TASK MATERIAL
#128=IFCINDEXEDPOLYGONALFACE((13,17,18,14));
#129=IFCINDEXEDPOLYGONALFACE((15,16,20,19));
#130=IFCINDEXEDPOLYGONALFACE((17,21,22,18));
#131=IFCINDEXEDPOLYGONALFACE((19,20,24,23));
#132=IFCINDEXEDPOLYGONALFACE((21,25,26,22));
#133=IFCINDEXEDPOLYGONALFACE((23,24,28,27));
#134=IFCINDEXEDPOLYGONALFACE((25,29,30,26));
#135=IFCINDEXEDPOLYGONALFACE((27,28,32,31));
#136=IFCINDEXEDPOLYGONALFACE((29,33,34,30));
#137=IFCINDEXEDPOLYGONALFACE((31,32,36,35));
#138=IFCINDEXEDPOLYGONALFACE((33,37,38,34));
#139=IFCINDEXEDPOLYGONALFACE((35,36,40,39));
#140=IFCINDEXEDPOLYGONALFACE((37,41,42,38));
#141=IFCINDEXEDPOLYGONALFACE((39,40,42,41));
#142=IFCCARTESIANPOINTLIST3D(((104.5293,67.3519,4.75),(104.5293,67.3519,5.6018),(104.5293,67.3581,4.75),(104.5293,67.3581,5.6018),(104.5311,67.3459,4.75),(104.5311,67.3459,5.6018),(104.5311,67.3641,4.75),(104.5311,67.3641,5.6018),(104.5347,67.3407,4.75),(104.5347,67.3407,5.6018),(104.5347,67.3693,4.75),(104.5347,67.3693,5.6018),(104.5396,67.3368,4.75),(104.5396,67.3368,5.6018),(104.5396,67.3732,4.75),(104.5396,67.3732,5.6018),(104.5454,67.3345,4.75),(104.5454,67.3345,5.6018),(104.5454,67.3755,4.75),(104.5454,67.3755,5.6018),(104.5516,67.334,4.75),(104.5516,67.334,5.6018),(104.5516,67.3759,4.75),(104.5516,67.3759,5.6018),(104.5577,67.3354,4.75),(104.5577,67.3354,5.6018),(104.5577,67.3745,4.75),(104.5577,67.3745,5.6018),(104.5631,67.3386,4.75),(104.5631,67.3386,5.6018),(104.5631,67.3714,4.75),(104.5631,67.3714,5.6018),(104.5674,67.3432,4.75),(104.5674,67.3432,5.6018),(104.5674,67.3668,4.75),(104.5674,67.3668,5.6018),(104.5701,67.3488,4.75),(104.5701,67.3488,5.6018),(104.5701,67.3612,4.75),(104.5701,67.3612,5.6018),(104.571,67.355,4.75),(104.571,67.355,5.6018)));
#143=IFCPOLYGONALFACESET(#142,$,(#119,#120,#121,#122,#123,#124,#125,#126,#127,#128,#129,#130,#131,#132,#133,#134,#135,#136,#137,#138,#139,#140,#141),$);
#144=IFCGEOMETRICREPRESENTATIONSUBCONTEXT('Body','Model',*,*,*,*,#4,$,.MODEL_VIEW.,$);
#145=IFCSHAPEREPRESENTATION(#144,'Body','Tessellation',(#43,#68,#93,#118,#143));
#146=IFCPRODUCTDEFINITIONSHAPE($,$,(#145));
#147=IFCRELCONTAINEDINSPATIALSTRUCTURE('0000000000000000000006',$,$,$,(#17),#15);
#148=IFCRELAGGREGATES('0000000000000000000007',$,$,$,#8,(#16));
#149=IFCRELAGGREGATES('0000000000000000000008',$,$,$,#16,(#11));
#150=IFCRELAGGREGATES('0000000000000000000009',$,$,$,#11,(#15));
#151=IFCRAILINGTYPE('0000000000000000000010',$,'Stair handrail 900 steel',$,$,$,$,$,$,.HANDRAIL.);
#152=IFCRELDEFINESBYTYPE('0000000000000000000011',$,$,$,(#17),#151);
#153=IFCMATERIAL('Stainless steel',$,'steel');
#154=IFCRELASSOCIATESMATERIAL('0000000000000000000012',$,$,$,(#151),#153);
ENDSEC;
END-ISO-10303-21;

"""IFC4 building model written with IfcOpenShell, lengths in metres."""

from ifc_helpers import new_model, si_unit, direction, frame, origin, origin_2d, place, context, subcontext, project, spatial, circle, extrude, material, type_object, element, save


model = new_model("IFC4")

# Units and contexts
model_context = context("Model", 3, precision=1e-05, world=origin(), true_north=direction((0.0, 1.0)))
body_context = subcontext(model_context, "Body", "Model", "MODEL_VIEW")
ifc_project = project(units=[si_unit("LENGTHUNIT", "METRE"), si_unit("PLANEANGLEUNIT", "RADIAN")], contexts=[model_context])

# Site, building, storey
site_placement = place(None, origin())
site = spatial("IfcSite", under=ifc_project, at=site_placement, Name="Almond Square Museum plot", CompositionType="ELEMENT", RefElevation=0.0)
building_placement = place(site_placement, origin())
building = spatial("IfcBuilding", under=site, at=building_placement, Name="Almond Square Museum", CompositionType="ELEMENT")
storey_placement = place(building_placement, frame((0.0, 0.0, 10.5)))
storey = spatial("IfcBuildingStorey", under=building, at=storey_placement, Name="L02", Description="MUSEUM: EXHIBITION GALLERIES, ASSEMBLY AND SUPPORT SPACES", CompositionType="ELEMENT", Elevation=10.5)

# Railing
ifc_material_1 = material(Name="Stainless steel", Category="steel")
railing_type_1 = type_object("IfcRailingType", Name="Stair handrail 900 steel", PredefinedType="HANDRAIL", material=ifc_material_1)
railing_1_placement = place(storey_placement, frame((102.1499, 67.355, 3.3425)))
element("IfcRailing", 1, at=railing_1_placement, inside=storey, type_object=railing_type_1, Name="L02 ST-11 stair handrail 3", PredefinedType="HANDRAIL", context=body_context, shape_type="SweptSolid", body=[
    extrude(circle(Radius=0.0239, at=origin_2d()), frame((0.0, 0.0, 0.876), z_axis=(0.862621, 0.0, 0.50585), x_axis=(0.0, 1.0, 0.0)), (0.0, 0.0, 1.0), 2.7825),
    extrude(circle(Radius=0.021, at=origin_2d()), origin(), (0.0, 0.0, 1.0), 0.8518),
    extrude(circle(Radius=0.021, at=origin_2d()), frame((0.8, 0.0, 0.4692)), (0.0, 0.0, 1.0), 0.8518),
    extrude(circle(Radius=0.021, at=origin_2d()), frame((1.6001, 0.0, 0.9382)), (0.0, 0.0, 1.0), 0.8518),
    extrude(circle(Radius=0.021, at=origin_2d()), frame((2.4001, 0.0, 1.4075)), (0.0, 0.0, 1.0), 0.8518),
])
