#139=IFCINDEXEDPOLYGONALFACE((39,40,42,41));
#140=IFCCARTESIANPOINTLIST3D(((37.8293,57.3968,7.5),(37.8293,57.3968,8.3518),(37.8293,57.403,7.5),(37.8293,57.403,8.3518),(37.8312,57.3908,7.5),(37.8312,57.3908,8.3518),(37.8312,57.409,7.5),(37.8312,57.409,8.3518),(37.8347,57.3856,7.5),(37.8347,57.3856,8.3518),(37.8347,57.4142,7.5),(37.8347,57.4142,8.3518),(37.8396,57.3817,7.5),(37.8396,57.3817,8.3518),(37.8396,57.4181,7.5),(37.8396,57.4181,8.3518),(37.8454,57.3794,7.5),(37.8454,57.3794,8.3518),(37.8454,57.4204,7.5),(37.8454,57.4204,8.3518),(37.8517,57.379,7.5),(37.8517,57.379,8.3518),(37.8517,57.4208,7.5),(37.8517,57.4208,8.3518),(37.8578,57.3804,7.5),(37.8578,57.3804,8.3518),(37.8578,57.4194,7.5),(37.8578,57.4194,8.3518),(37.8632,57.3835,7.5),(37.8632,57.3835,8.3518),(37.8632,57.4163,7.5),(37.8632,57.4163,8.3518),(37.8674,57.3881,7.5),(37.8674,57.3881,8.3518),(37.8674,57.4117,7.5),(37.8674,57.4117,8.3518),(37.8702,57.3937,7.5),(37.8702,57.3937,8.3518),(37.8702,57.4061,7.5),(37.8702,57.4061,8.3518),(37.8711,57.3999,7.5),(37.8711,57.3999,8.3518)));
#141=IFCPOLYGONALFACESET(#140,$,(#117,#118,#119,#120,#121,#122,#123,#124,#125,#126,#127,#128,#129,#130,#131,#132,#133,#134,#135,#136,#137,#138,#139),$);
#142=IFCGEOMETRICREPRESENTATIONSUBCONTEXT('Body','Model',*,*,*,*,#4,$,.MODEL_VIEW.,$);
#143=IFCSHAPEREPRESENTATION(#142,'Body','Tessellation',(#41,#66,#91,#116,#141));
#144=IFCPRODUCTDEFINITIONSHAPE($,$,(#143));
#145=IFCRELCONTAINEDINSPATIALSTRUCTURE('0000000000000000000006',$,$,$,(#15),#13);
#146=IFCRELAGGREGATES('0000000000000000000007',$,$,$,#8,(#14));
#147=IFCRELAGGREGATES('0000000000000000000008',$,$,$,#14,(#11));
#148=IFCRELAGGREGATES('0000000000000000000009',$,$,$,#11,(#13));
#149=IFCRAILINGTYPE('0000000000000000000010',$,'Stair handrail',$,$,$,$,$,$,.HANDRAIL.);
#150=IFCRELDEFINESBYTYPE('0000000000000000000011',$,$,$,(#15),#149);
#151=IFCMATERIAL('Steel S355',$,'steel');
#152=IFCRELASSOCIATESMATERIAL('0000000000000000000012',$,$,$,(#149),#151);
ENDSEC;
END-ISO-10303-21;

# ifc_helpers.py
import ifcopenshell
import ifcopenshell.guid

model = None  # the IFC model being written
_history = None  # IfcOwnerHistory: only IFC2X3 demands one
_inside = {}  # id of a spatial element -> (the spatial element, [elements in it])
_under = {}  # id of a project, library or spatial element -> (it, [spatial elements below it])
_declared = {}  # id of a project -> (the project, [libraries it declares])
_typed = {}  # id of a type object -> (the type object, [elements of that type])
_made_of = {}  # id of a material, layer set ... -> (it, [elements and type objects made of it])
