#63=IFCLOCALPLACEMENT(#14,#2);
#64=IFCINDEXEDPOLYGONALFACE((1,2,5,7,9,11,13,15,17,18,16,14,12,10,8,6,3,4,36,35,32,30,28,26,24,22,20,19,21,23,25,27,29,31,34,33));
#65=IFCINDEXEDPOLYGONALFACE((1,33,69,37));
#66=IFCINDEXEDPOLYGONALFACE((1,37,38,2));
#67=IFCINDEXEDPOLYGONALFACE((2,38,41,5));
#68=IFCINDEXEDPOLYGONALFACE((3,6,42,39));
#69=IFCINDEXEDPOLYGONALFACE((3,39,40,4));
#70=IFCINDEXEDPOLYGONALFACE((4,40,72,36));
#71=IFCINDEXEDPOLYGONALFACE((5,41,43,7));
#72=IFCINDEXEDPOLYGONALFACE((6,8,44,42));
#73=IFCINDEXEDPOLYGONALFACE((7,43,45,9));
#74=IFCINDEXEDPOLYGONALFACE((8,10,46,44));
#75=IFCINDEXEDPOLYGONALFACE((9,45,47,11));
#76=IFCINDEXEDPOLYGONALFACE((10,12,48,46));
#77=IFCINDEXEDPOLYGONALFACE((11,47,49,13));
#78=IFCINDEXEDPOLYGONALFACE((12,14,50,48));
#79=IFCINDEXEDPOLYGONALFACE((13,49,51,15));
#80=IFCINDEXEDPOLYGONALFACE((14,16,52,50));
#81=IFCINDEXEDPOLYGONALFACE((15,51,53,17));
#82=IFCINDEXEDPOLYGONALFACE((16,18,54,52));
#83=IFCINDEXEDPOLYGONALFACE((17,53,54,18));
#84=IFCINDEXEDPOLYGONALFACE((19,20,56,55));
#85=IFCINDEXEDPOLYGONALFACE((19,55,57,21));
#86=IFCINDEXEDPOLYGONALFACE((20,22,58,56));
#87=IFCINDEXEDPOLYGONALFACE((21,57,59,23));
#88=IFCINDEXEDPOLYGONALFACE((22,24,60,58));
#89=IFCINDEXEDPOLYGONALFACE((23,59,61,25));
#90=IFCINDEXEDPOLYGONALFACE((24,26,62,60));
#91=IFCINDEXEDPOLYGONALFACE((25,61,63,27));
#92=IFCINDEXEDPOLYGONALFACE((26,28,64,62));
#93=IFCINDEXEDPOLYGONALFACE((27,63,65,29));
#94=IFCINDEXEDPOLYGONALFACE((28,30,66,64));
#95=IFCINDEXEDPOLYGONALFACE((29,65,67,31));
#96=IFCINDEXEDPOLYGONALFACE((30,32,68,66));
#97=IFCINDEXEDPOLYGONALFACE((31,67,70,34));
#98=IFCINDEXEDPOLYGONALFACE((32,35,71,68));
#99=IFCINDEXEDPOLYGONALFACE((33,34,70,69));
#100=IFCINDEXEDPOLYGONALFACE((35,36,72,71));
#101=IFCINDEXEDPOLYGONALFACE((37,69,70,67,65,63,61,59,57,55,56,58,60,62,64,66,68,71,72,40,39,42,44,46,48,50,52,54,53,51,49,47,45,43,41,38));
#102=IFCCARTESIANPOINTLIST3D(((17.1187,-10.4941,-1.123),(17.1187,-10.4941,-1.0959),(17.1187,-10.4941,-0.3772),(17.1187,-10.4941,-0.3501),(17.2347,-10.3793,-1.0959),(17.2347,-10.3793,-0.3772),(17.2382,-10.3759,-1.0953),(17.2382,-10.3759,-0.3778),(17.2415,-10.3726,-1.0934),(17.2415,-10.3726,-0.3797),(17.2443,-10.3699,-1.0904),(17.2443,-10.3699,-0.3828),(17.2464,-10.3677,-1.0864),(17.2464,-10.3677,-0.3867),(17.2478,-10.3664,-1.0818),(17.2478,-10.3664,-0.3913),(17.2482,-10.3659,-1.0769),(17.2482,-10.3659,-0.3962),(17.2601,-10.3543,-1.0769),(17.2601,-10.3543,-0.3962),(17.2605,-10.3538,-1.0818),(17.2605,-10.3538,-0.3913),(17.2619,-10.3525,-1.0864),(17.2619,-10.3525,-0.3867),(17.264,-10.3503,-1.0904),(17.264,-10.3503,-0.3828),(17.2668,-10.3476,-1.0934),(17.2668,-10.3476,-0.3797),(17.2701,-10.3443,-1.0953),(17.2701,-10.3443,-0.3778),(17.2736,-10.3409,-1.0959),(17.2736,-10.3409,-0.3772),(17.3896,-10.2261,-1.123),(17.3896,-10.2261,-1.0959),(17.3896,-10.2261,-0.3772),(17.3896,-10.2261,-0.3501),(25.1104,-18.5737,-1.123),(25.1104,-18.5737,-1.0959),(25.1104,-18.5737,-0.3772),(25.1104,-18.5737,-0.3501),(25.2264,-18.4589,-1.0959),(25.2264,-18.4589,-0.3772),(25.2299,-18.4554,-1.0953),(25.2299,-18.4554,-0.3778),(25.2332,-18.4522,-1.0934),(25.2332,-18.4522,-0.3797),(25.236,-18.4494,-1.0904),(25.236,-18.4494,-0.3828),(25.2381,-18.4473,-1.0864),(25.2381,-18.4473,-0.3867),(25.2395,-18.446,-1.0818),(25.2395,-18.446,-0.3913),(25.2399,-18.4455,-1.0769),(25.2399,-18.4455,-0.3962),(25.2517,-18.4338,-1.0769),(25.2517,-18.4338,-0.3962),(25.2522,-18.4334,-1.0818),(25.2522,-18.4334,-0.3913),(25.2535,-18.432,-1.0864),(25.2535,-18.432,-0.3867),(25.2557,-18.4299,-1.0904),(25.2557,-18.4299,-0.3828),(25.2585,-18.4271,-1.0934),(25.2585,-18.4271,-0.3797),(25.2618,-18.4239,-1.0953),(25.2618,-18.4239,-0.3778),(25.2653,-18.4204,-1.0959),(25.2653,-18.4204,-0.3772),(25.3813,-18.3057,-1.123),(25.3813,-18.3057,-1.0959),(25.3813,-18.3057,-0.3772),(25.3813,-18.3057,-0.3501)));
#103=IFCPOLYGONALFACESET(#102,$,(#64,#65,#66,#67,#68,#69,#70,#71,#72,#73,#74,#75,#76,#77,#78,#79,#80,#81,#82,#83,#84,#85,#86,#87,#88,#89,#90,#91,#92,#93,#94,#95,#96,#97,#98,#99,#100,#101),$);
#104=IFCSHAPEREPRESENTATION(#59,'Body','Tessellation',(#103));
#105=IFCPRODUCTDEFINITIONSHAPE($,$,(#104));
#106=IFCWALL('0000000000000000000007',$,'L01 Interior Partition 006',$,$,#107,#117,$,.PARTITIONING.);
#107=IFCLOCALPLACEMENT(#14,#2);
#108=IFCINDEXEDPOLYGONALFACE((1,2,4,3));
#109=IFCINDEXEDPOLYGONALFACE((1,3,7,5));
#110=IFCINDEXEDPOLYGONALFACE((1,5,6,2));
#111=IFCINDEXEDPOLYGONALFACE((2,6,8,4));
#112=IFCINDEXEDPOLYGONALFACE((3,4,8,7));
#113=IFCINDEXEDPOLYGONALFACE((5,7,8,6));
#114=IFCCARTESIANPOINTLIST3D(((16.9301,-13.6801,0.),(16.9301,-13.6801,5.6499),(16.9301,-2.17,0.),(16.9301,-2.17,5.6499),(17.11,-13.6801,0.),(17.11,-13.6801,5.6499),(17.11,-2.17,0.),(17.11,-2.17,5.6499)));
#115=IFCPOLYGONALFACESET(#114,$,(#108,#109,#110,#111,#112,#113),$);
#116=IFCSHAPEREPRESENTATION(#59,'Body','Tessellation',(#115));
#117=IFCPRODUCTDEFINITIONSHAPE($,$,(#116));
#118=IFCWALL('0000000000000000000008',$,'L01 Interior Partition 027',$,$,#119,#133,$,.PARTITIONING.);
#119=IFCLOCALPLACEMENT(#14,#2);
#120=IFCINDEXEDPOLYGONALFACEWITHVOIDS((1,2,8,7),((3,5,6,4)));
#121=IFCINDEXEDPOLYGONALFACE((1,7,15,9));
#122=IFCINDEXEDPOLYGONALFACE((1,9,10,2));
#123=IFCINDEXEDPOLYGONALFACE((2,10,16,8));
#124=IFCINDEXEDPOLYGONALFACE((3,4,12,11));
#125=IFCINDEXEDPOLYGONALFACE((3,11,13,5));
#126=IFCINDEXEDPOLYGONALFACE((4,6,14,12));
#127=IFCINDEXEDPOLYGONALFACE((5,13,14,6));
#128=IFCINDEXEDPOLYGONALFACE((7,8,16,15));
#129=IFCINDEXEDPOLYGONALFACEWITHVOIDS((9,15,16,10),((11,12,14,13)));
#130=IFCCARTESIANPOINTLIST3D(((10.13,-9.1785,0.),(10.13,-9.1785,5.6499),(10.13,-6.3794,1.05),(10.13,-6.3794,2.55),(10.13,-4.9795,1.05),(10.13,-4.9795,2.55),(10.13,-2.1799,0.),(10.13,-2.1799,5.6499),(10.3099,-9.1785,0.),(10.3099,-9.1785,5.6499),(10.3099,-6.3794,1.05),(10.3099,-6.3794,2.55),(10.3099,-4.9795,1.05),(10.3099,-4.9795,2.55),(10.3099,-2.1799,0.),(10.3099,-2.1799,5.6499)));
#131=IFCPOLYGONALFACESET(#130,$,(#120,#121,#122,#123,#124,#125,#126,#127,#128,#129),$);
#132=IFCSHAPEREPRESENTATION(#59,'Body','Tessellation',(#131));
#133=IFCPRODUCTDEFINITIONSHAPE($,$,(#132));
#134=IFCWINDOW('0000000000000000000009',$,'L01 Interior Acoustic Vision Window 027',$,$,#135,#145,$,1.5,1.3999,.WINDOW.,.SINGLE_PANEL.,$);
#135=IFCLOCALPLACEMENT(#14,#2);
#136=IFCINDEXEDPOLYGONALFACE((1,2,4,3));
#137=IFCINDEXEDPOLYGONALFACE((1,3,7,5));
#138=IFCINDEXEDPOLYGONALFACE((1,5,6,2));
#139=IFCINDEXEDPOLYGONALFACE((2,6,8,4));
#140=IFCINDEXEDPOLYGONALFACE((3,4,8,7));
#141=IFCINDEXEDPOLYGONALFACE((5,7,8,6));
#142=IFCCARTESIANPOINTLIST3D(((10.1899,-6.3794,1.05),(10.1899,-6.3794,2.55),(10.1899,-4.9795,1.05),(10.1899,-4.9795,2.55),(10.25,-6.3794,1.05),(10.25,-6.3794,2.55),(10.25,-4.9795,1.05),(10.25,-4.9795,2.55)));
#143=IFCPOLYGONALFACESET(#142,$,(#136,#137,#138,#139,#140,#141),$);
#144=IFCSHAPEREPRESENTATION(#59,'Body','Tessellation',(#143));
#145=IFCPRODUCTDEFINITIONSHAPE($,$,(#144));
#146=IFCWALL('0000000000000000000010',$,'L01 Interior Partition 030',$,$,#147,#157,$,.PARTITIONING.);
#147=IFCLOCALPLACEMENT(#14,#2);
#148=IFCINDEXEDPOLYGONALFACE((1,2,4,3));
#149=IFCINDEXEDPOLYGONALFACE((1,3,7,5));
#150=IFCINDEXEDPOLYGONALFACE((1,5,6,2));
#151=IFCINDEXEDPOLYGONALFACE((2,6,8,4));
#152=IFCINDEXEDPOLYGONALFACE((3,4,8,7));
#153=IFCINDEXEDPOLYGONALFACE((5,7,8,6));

INSTRUCTIONS TO FOLLOW
Beginning with the line that has "#106=IFCWALL('0000000000000000000007',$,'L01 Interior Partition" and ending with the line that has "#113=IFCINDEXEDPOLYGONALFACE((5,7,8,6));", set down the lines above exactly and include no others.

RESULT OF THIS TASK
#106=IFCWALL('0000000000000000000007',$,'L01 Interior Partition 006',$,$,#107,#117,$,.PARTITIONING.);
#107=IFCLOCALPLACEMENT(#14,#2);
#108=IFCINDEXEDPOLYGONALFACE((1,2,4,3));
#109=IFCINDEXEDPOLYGONALFACE((1,3,7,5));
#110=IFCINDEXEDPOLYGONALFACE((1,5,6,2));
#111=IFCINDEXEDPOLYGONALFACE((2,6,8,4));
#112=IFCINDEXEDPOLYGONALFACE((3,4,8,7));
#113=IFCINDEXEDPOLYGONALFACE((5,7,8,6));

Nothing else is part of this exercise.